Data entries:
● ● ● ●

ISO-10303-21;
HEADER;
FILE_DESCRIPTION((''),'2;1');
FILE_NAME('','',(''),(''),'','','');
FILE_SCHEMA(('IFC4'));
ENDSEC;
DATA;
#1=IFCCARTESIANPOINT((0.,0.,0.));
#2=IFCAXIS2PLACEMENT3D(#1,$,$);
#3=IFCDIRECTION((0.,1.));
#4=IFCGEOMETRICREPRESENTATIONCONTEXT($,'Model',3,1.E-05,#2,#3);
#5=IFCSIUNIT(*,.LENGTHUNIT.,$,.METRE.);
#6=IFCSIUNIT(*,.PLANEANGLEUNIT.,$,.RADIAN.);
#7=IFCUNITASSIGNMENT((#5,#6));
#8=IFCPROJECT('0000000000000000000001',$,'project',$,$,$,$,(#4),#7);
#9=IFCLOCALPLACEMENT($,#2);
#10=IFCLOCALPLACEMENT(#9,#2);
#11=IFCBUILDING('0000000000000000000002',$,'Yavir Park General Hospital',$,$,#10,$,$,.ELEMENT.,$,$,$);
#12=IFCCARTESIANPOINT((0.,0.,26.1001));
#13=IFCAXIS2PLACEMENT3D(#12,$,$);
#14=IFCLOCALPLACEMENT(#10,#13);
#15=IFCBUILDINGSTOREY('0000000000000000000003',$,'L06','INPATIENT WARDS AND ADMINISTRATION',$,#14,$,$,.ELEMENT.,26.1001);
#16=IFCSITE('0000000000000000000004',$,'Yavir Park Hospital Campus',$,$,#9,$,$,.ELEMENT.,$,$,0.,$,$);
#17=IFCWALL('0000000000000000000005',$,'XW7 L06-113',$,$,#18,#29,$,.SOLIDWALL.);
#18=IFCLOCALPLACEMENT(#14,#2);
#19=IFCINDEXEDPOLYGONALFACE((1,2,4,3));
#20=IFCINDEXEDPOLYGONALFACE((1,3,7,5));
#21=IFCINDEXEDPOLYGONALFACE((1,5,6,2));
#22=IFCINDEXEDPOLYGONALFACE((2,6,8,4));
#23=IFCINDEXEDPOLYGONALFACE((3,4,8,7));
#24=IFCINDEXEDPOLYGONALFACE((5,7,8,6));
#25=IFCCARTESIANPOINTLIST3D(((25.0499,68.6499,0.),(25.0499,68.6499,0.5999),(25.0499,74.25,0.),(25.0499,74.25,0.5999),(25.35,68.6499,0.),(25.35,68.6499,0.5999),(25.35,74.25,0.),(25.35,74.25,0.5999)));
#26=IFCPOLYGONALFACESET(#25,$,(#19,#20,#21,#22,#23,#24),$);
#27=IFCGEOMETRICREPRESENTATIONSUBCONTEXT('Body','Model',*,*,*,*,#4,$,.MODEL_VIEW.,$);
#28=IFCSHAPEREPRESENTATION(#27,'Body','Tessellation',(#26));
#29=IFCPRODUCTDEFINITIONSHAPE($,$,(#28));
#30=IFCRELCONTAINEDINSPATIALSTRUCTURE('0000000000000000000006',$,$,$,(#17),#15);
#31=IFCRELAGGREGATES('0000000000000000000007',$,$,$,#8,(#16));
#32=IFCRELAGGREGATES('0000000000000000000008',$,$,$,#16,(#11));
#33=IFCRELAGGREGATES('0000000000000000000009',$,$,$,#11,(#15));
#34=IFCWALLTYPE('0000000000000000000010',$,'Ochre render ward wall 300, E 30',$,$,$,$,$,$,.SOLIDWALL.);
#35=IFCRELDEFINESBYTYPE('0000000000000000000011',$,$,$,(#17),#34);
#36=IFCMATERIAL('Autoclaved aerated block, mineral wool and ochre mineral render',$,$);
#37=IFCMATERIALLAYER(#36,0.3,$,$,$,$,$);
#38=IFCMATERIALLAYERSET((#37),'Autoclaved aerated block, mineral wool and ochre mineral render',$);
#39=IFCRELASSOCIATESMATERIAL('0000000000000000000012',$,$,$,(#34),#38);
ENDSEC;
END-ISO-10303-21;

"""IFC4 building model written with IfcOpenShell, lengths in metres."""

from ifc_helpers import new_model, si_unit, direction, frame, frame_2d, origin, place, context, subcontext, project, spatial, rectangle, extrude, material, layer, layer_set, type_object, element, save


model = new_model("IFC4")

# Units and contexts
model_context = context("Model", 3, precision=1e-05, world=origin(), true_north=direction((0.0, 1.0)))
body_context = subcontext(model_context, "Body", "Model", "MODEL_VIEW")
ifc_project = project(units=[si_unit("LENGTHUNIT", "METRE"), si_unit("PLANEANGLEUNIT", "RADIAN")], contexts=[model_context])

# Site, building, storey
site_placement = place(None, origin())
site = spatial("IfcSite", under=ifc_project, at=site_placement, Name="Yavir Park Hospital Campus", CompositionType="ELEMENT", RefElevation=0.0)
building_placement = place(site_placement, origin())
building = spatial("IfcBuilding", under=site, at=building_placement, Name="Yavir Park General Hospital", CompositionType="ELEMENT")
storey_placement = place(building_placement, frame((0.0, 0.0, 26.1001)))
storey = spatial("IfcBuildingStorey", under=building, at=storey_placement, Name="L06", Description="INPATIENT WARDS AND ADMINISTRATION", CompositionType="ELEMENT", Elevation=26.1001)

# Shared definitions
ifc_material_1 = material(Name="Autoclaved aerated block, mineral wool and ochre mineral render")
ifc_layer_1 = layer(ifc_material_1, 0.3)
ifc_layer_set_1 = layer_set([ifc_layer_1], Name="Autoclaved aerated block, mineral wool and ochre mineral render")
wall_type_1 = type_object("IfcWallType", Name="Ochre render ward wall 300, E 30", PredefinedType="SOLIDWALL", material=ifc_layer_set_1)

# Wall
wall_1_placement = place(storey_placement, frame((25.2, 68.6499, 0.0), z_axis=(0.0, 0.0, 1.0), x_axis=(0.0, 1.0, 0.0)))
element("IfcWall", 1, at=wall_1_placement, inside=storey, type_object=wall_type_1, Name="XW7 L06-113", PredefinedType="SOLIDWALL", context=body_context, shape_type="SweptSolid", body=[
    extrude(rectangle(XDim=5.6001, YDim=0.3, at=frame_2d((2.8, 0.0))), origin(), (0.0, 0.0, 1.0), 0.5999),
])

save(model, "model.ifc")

● ● ● ●

Return every record above exactly as it appears.

ISO-10303-21;
HEADER;
FILE_DESCRIPTION((''),'2;1');
FILE_NAME('','',(''),(''),'','','');
FILE_SCHEMA(('IFC4'));
ENDSEC;
DATA;
#1=IFCCARTESIANPOINT((0.,0.,0.));
#2=IFCAXIS2PLACEMENT3D(#1,$,$);
#3=IFCDIRECTION((0.,1.));
#4=IFCGEOMETRICREPRESENTATIONCONTEXT($,'Model',3,1.E-05,#2,#3);
#5=IFCSIUNIT(*,.LENGTHUNIT.,$,.METRE.);
#6=IFCSIUNIT(*,.PLANEANGLEUNIT.,$,.RADIAN.);
#7=IFCUNITASSIGNMENT((#5,#6));
#8=IFCPROJECT('0000000000000000000001',$,'project',$,$,$,$,(#4),#7);
#9=IFCLOCALPLACEMENT($,#2);
#10=IFCLOCALPLACEMENT(#9,#2);
#11=IFCBUILDING('0000000000000000000002',$,'Yavir Park General Hospital',$,$,#10,$,$,.ELEMENT.,$,$,$);
#12=IFCCARTESIANPOINT((0.,0.,26.1001));
#13=IFCAXIS2PLACEMENT3D(#12,$,$);
#14=IFCLOCALPLACEMENT(#10,#13);
#15=IFCBUILDINGSTOREY('0000000000000000000003',$,'L06','INPATIENT WARDS AND ADMINISTRATION',$,#14,$,$,.ELEMENT.,26.1001);
#16=IFCSITE('0000000000000000000004',$,'Yavir Park Hospital Campus',$,$,#9,$,$,.ELEMENT.,$,$,0.,$,$);
#17=IFCWALL('0000000000000000000005',$,'XW7 L06-113',$,$,#18,#29,$,.SOLIDWALL.);
#18=IFCLOCALPLACEMENT(#14,#2);
#19=IFCINDEXEDPOLYGONALFACE((1,2,4,3));
#20=IFCINDEXEDPOLYGONALFACE((1,3,7,5));
#21=IFCINDEXEDPOLYGONALFACE((1,5,6,2));
#22=IFCINDEXEDPOLYGONALFACE((2,6,8,4));
#23=IFCINDEXEDPOLYGONALFACE((3,4,8,7));
#24=IFCINDEXEDPOLYGONALFACE((5,7,8,6));
#25=IFCCARTESIANPOINTLIST3D(((25.0499,68.6499,0.),(25.0499,68.6499,0.5999),(25.0499,74.25,0.),(25.0499,74.25,0.5999),(25.35,68.6499,0.),(25.35,68.6499,0.5999),(25.35,74.25,0.),(25.35,74.25,0.5999)));
#26=IFCPOLYGONALFACESET(#25,$,(#19,#20,#21,#22,#23,#24),$);
#27=IFCGEOMETRICREPRESENTATIONSUBCONTEXT('Body','Model',*,*,*,*,#4,$,.MODEL_VIEW.,$);
#28=IFCSHAPEREPRESENTATION(#27,'Body','Tessellation',(#26));
#29=IFCPRODUCTDEFINITIONSHAPE($,$,(#28));
#30=IFCRELCONTAINEDINSPATIALSTRUCTURE('0000000000000000000006',$,$,$,(#17),#15);
#31=IFCRELAGGREGATES('0000000000000000000007',$,$,$,#8,(#16));
#32=IFCRELAGGREGATES('0000000000000000000008',$,$,$,#16,(#11));
#33=IFCRELAGGREGATES('0000000000000000000009',$,$,$,#11,(#15));
#34=IFCWALLTYPE('0000000000000000000010',$,'Ochre render ward wall 300, E 30',$,$,$,$,$,$,.SOLIDWALL.);
#35=IFCRELDEFINESBYTYPE('0000000000000000000011',$,$,$,(#17),#34);
#36=IFCMATERIAL('Autoclaved aerated block, mineral wool and ochre mineral render',$,$);
#37=IFCMATERIALLAYER(#36,0.3,$,$,$,$,$);
#38=IFCMATERIALLAYERSET((#37),'Autoclaved aerated block, mineral wool and ochre mineral render',$);
#39=IFCRELASSOCIATESMATERIAL('0000000000000000000012',$,$,$,(#34),#38);
ENDSEC;
END-ISO-10303-21;

"""IFC4 building model written with IfcOpenShell, lengths in metres."""

from ifc_helpers import new_model, si_unit, direction, frame, frame_2d, origin, place, context, subcontext, project, spatial, rectangle, extrude, material, layer, layer_set, type_object, element, save


model = new_model("IFC4")

# Units and contexts
model_context = context("Model", 3, precision=1e-05, world=origin(), true_north=direction((0.0, 1.0)))
body_context = subcontext(model_context, "Body", "Model", "MODEL_VIEW")
ifc_project = project(units=[si_unit("LENGTHUNIT", "METRE"), si_unit("PLANEANGLEUNIT", "RADIAN")], contexts=[model_context])

# Site, building, storey
site_placement = place(None, origin())
site = spatial("IfcSite", under=ifc_project, at=site_placement, Name="Yavir Park Hospital Campus", CompositionType="ELEMENT", RefElevation=0.0)
building_placement = place(site_placement, origin())
building = spatial("IfcBuilding", under=site, at=building_placement, Name="Yavir Park General Hospital", CompositionType="ELEMENT")
storey_placement = place(building_placement, frame((0.0, 0.0, 26.1001)))
storey = spatial("IfcBuildingStorey", under=building, at=storey_placement, Name="L06", Description="INPATIENT WARDS AND ADMINISTRATION", CompositionType="ELEMENT", Elevation=26.1001)

# Shared definitions
ifc_material_1 = material(Name="Autoclaved aerated block, mineral wool and ochre mineral render")
ifc_layer_1 = layer(ifc_material_1, 0.3)
ifc_layer_set_1 = layer_set([ifc_layer_1], Name="Autoclaved aerated block, mineral wool and ochre mineral render")
wall_type_1 = type_object("IfcWallType", Name="Ochre render ward wall 300, E 30", PredefinedType="SOLIDWALL", material=ifc_layer_set_1)

# Wall
wall_1_placement = place(storey_placement, frame((25.2, 68.6499, 0.0), z_axis=(0.0, 0.0, 1.0), x_axis=(0.0, 1.0, 0.0)))
element("IfcWall", 1, at=wall_1_placement, inside=storey, type_object=wall_type_1, Name="XW7 L06-113", PredefinedType="SOLIDWALL", context=body_context, shape_type="SweptSolid", body=[
    extrude(rectangle(XDim=5.6001, YDim=0.3, at=frame_2d((2.8, 0.0))), origin(), (0.0, 0.0, 1.0), 0.5999),
])

save(model, "model.ifc")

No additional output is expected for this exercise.